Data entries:
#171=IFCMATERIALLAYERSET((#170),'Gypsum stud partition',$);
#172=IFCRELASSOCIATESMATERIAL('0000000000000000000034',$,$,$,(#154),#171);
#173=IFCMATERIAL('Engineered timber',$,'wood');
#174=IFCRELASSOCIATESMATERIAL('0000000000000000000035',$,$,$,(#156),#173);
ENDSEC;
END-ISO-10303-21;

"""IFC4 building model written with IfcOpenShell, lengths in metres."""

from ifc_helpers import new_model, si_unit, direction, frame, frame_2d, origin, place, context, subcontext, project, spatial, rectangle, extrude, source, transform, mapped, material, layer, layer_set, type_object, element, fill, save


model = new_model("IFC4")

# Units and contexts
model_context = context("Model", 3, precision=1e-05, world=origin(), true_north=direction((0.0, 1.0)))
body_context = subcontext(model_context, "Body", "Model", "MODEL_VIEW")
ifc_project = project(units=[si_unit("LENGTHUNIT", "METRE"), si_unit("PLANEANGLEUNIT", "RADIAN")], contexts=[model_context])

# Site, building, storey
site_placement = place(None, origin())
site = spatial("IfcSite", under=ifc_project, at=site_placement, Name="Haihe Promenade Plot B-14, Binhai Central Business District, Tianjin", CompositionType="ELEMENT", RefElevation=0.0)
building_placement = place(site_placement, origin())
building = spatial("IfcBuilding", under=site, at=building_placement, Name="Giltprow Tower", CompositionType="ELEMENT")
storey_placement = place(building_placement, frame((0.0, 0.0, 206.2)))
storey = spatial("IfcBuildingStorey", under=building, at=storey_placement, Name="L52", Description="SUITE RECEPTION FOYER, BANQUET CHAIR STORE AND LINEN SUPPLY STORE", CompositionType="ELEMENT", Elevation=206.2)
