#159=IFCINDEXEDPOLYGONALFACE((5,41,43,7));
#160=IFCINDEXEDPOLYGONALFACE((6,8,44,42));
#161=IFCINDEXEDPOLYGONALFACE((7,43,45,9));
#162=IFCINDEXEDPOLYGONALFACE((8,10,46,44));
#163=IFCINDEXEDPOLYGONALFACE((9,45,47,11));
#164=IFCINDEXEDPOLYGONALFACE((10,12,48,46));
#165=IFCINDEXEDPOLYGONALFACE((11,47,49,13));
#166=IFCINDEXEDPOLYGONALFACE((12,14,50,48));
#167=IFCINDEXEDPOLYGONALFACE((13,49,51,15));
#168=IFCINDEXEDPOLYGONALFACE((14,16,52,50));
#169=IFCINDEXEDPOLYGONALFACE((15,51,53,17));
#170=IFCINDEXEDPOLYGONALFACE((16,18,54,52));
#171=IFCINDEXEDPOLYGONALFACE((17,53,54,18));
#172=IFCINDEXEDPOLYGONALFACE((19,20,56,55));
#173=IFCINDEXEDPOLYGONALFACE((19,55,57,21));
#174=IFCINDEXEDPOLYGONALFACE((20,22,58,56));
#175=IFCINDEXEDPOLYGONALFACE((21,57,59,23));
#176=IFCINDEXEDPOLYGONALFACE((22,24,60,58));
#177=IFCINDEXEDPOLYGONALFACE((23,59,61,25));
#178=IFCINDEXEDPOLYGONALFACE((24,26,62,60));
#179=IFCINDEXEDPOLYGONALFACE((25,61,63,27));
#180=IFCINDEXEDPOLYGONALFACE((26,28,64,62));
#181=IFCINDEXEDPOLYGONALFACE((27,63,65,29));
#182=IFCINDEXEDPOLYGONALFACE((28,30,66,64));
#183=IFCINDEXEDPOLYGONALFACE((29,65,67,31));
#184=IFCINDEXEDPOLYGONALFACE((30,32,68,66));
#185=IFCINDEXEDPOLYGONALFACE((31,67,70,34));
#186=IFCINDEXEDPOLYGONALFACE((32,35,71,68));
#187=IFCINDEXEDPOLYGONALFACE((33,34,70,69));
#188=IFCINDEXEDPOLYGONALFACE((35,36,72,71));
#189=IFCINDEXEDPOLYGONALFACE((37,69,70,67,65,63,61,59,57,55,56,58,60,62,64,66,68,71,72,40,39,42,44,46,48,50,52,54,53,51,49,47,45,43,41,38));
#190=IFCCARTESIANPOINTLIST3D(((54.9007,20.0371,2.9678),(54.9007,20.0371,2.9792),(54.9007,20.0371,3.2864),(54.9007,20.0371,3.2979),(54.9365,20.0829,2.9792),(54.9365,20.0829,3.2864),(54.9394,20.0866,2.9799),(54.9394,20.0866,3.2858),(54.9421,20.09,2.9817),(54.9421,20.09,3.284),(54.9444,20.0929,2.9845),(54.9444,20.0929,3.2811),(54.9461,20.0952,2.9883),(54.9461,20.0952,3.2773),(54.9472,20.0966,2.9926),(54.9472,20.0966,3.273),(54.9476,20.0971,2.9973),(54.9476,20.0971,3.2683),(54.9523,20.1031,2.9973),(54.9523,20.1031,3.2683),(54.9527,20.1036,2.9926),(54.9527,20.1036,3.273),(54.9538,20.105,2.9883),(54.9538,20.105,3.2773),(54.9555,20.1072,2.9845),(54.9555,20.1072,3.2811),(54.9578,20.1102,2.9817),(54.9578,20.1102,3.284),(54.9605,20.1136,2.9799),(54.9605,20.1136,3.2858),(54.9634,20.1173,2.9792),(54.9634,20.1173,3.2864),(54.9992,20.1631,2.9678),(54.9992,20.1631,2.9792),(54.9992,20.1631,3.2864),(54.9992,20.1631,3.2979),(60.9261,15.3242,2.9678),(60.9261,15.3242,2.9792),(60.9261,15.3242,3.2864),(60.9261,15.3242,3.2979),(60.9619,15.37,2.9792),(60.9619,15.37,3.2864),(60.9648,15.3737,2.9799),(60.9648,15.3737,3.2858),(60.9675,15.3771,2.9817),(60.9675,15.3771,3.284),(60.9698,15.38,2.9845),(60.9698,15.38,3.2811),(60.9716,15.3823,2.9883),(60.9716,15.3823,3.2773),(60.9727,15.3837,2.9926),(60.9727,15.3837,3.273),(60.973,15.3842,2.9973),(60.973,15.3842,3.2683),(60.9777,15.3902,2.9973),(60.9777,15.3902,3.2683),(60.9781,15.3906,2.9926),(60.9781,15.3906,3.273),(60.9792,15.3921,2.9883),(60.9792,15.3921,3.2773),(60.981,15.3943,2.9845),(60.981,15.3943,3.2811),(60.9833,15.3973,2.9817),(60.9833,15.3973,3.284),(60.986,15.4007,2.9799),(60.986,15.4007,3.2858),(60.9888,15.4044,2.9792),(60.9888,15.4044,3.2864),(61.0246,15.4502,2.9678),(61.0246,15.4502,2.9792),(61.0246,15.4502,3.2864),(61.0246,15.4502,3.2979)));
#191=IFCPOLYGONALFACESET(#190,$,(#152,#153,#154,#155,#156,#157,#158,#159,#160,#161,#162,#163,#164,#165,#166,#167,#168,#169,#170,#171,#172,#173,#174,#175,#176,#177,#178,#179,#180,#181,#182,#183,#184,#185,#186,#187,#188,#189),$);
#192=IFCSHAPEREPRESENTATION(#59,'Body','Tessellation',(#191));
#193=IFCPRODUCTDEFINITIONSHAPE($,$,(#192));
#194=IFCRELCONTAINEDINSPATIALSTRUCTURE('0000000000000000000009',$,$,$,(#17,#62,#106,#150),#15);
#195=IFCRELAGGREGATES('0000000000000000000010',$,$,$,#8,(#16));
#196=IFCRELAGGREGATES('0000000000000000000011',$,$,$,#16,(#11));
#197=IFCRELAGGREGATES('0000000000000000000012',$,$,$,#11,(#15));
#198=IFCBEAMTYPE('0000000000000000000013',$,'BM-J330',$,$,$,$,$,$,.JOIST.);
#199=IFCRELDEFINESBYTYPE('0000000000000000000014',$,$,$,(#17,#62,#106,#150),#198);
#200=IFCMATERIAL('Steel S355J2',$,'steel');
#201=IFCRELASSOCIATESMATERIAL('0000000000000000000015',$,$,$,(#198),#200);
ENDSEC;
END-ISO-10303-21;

What you have to do:
Exact copies of the lines from the start of the data up to the line holding "building model written", both included, are all that is needed.

Result:
#171=IFCMATERIALLAYERSET((#170),'Gypsum stud partition',$);
#172=IFCRELASSOCIATESMATERIAL('0000000000000000000034',$,$,$,(#154),#171);
#173=IFCMATERIAL('Engineered timber',$,'wood');
#174=IFCRELASSOCIATESMATERIAL('0000000000000000000035',$,$,$,(#156),#173);
ENDSEC;
END-ISO-10303-21;

"""IFC4 building model written with IfcOpenShell, lengths in metres."""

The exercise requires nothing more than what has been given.